▼

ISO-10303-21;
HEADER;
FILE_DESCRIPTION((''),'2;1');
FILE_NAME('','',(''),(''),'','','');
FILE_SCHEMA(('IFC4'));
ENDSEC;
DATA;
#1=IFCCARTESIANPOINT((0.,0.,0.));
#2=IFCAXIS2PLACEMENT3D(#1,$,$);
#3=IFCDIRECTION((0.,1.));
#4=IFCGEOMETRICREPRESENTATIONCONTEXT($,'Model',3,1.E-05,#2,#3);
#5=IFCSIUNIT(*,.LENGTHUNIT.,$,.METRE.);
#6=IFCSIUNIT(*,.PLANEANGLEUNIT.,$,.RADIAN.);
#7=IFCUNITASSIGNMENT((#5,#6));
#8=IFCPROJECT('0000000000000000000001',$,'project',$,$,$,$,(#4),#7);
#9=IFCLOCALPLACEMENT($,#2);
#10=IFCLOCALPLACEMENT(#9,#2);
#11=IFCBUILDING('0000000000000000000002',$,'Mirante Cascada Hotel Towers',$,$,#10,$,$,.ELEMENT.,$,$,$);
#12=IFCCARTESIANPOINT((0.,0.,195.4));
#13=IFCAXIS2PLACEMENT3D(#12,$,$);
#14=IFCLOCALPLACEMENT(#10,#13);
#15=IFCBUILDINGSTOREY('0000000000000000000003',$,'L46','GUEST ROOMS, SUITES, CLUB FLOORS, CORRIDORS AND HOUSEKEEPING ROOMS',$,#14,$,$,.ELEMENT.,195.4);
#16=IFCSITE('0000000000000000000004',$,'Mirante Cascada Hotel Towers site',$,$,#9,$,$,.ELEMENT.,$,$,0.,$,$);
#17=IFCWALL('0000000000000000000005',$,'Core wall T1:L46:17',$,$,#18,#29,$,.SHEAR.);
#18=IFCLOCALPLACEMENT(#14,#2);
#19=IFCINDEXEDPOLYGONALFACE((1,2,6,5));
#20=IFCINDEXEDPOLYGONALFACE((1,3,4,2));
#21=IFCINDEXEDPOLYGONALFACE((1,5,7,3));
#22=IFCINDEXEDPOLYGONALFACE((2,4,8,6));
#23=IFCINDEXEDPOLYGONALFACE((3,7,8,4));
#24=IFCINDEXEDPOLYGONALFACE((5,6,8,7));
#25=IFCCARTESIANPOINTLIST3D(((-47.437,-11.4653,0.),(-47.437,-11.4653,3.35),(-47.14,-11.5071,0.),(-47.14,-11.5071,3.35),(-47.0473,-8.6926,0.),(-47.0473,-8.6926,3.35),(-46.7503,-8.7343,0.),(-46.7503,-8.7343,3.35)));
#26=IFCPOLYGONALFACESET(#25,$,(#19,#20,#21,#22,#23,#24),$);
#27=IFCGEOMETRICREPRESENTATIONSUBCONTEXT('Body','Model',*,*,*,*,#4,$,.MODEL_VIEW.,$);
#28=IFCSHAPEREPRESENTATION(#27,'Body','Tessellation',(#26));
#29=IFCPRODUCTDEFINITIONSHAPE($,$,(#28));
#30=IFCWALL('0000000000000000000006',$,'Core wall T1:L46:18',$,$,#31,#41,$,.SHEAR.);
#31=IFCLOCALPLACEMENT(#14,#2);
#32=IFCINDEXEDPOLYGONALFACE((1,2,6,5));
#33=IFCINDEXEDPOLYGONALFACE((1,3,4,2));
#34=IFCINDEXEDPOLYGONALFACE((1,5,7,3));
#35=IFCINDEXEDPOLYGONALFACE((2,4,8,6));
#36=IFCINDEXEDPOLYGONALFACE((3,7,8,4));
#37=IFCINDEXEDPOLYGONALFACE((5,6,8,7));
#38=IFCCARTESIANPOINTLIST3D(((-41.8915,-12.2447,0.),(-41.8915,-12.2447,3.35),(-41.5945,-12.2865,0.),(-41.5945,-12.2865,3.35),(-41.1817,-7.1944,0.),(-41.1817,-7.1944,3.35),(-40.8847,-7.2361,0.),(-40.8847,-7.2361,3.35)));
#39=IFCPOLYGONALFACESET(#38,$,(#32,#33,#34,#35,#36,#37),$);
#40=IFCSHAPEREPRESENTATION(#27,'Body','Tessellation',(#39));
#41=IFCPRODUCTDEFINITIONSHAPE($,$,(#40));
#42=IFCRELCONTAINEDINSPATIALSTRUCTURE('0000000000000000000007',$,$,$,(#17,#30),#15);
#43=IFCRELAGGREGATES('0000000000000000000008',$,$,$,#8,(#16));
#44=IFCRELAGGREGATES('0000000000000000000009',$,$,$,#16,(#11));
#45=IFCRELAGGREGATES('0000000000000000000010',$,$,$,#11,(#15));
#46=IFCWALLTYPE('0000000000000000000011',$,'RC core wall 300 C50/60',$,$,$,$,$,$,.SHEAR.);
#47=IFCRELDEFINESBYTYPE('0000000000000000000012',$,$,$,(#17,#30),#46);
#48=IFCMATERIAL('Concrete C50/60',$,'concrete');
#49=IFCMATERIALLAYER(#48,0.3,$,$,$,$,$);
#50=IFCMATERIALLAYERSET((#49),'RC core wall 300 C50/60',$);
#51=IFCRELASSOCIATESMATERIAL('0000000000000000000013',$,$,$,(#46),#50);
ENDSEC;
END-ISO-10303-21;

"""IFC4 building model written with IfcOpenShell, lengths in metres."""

from ifc_helpers import new_model, si_unit, direction, frame, frame_2d, origin, place, context, subcontext, project, spatial, rectangle, extrude, material, layer, layer_set, type_object, element, save


model = new_model("IFC4")

# Units and contexts
model_context = context("Model", 3, precision=1e-05, world=origin(), true_north=direction((0.0, 1.0)))
body_context = subcontext(model_context, "Body", "Model", "MODEL_VIEW")
ifc_project = project(units=[si_unit("LENGTHUNIT", "METRE"), si_unit("PLANEANGLEUNIT", "RADIAN")], contexts=[model_context])

# Site, building, storey
site_placement = place(None, origin())
site = spatial("IfcSite", under=ifc_project, at=site_placement, Name="Mirante Cascada Hotel Towers site", CompositionType="ELEMENT", RefElevation=0.0)
building_placement = place(site_placement, origin())
building = spatial("IfcBuilding", under=site, at=building_placement, Name="Mirante Cascada Hotel Towers", CompositionType="ELEMENT")
storey_placement = place(building_placement, frame((0.0, 0.0, 195.4)))
storey = spatial("IfcBuildingStorey", under=building, at=storey_placement, Name="L46", Description="GUEST ROOMS, SUITES, CLUB FLOORS, CORRIDORS AND HOUSEKEEPING ROOMS", CompositionType="ELEMENT", Elevation=195.4)

# Shared definitions
ifc_material_1 = material(Name="Concrete C50/60", Category="concrete")
ifc_layer_1 = layer(ifc_material_1, 0.3)
ifc_layer_set_1 = layer_set([ifc_layer_1], Name="RC core wall 300 C50/60")
wall_type_1 = type_object("IfcWallType", Name="RC core wall 300 C50/60", PredefinedType="SHEAR", material=ifc_layer_set_1)

# Walls
for number, where, z_axis, x_axis, name in (
    (1, (-47.2885, -11.4862, 0.0), (0.0, 0.0, 1.0), (0.139181, 0.990267, 0.0), "Core wall T1:L46:17"),
):
    element("IfcWall", number, at=place(storey_placement, frame(where, z_axis=z_axis, x_axis=x_axis)), inside=storey, type_object=wall_type_1, Name=name, PredefinedType="SHEAR", context=body_context, shape_type="SweptSolid", body=[
        extrude(rectangle(XDim=2.8, YDim=0.3, at=frame_2d((1.4, 0.0))), origin(), (0.0, 0.0, 1.0), 3.35),
    ])
wall_1_placement = place(storey_placement, frame((-41.743, -12.2656, 0.0), z_axis=(0.0, 0.0, 1.0), x_axis=(0.139176, 0.990268, 0.0)))
element("IfcWall", 2, at=wall_1_placement, inside=storey, type_object=wall_type_1, Name="Core wall T1:L46:18", PredefinedType="SHEAR", context=body_context, shape_type="SweptSolid", body=[
    extrude(rectangle(XDim=5.1, YDim=0.3, at=frame_2d((2.55, 0.0))), origin(), (0.0, 0.0, 1.0), 3.35),
])

save(model, "model.ifc")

▲

What the exercise asks: Each line in the entries above that includes the word "IFCPRODUCTDEFINITIONSHAPE" counts once; state the total and nothing else.

Response: 2